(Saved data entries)
------------------------------

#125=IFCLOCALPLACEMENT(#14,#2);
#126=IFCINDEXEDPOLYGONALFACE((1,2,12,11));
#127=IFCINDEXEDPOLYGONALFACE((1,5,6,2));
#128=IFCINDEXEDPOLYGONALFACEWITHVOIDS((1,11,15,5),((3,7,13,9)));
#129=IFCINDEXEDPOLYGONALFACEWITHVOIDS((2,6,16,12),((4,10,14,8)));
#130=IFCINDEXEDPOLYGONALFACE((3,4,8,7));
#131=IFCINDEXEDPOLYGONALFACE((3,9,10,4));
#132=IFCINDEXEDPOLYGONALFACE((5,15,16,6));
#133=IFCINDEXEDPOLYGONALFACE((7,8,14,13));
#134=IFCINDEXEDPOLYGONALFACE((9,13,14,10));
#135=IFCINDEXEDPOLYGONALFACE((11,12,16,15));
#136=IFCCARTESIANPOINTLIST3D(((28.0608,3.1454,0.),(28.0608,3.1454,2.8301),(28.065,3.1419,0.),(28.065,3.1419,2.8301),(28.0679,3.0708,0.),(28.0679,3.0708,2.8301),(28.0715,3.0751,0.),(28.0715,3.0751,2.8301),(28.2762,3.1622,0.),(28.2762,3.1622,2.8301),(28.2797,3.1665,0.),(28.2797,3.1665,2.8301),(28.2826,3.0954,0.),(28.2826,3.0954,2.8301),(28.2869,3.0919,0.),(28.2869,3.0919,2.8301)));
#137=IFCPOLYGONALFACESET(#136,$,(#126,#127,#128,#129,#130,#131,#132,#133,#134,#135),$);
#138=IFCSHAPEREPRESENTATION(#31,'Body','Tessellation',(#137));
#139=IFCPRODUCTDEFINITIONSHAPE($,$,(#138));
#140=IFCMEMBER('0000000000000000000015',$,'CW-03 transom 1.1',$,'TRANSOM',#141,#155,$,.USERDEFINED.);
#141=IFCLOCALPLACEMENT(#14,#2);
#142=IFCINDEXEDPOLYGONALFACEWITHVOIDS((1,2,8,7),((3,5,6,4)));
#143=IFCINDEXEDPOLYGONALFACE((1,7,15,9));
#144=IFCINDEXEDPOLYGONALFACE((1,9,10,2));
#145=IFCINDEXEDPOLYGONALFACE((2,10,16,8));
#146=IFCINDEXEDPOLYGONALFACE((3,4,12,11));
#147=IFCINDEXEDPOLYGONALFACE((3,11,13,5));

------------------------------

Task to complete — Retype all the data verbatim.

Result of the task —
#125=IFCLOCALPLACEMENT(#14,#2);
#126=IFCINDEXEDPOLYGONALFACE((1,2,12,11));
#127=IFCINDEXEDPOLYGONALFACE((1,5,6,2));
#128=IFCINDEXEDPOLYGONALFACEWITHVOIDS((1,11,15,5),((3,7,13,9)));
#129=IFCINDEXEDPOLYGONALFACEWITHVOIDS((2,6,16,12),((4,10,14,8)));
#130=IFCINDEXEDPOLYGONALFACE((3,4,8,7));
#131=IFCINDEXEDPOLYGONALFACE((3,9,10,4));
#132=IFCINDEXEDPOLYGONALFACE((5,15,16,6));
#133=IFCINDEXEDPOLYGONALFACE((7,8,14,13));
#134=IFCINDEXEDPOLYGONALFACE((9,13,14,10));
#135=IFCINDEXEDPOLYGONALFACE((11,12,16,15));
#136=IFCCARTESIANPOINTLIST3D(((28.0608,3.1454,0.),(28.0608,3.1454,2.8301),(28.065,3.1419,0.),(28.065,3.1419,2.8301),(28.0679,3.0708,0.),(28.0679,3.0708,2.8301),(28.0715,3.0751,0.),(28.0715,3.0751,2.8301),(28.2762,3.1622,0.),(28.2762,3.1622,2.8301),(28.2797,3.1665,0.),(28.2797,3.1665,2.8301),(28.2826,3.0954,0.),(28.2826,3.0954,2.8301),(28.2869,3.0919,0.),(28.2869,3.0919,2.8301)));
#137=IFCPOLYGONALFACESET(#136,$,(#126,#127,#128,#129,#130,#131,#132,#133,#134,#135),$);
#138=IFCSHAPEREPRESENTATION(#31,'Body','Tessellation',(#137));
#139=IFCPRODUCTDEFINITIONSHAPE($,$,(#138));
#140=IFCMEMBER('0000000000000000000015',$,'CW-03 transom 1.1',$,'TRANSOM',#141,#155,$,.USERDEFINED.);
#141=IFCLOCALPLACEMENT(#14,#2);
#142=IFCINDEXEDPOLYGONALFACEWITHVOIDS((1,2,8,7),((3,5,6,4)));
#143=IFCINDEXEDPOLYGONALFACE((1,7,15,9));
#144=IFCINDEXEDPOLYGONALFACE((1,9,10,2));
#145=IFCINDEXEDPOLYGONALFACE((2,10,16,8));
#146=IFCINDEXEDPOLYGONALFACE((3,4,12,11));
#147=IFCINDEXEDPOLYGONALFACE((3,11,13,5));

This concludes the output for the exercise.